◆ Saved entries
[Start of Attachment]

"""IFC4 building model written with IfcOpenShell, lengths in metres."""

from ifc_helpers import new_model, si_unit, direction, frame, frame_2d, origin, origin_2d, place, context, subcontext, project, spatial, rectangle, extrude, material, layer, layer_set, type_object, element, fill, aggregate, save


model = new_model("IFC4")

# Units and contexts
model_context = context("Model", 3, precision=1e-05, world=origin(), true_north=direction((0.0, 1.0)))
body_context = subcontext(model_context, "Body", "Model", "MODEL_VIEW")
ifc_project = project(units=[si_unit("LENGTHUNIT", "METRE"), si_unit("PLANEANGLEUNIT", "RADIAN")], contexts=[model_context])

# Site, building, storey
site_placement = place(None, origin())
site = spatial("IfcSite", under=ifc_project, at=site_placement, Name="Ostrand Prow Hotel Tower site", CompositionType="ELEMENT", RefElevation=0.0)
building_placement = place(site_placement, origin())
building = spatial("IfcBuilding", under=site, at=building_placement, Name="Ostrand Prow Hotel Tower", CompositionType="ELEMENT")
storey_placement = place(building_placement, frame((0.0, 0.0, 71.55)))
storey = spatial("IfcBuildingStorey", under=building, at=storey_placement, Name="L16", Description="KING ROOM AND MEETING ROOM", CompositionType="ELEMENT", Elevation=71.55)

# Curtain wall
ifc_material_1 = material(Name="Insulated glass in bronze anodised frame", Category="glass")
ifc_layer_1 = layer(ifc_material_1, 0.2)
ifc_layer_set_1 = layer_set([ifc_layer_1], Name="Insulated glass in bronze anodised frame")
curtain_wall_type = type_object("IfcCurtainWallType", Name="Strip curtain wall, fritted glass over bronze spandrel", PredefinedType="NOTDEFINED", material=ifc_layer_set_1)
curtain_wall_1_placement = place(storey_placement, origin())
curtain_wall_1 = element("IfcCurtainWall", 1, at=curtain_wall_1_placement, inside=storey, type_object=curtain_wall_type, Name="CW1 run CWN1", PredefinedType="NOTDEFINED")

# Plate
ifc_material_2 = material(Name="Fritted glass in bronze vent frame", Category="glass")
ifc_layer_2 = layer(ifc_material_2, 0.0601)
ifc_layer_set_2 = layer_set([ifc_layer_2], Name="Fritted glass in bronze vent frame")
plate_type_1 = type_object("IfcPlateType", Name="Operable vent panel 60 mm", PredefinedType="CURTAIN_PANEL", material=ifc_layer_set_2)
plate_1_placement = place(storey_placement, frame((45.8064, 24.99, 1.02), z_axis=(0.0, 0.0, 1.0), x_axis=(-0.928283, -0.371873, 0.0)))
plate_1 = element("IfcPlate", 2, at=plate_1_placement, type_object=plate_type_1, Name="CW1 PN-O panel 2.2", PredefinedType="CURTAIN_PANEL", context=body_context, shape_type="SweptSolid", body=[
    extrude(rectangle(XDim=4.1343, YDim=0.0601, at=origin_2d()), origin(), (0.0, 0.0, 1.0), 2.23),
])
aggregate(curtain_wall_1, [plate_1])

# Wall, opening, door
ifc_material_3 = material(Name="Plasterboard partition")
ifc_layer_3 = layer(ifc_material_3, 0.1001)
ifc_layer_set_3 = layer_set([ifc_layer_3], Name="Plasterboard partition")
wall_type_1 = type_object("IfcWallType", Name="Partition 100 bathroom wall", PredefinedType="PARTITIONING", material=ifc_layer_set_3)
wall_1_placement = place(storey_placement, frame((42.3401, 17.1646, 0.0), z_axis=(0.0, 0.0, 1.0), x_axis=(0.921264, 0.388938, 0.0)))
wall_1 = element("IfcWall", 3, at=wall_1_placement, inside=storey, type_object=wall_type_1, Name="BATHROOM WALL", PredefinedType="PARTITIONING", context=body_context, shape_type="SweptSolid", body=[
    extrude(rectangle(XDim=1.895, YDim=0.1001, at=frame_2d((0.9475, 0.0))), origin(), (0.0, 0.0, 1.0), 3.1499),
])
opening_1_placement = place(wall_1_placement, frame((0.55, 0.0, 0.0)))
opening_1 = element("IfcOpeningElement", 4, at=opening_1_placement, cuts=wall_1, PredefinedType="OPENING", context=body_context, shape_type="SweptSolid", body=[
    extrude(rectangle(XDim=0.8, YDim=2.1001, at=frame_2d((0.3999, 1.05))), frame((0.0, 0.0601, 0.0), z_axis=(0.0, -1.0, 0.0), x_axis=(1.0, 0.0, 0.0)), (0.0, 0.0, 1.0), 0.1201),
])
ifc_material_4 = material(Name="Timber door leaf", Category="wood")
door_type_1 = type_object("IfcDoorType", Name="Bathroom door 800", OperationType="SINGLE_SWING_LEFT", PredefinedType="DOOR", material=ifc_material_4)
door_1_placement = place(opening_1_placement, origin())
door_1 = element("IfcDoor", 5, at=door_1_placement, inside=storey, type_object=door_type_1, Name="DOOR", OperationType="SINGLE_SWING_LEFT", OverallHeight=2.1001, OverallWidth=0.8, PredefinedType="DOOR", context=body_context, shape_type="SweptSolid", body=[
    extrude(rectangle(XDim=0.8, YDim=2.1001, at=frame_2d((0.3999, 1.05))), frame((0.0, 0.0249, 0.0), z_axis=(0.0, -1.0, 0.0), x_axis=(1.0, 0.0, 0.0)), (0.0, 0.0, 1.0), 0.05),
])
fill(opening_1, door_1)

[End of Attachment]

◆ WHAT YOU HAVE TO DO
Which lines of the records above contain the word "glass"? Report each one in full.

◆ YOUR RESPONSE
ifc_material_1 = material(Name="Insulated glass in bronze anodised frame", Category="glass")
ifc_layer_set_1 = layer_set([ifc_layer_1], Name="Insulated glass in bronze anodised frame")
curtain_wall_type = type_object("IfcCurtainWallType", Name="Strip curtain wall, fritted glass over bronze spandrel", PredefinedType="NOTDEFINED", material=ifc_layer_set_1)
ifc_material_2 = material(Name="Fritted glass in bronze vent frame", Category="glass")
ifc_layer_set_2 = layer_set([ifc_layer_2], Name="Fritted glass in bronze vent frame")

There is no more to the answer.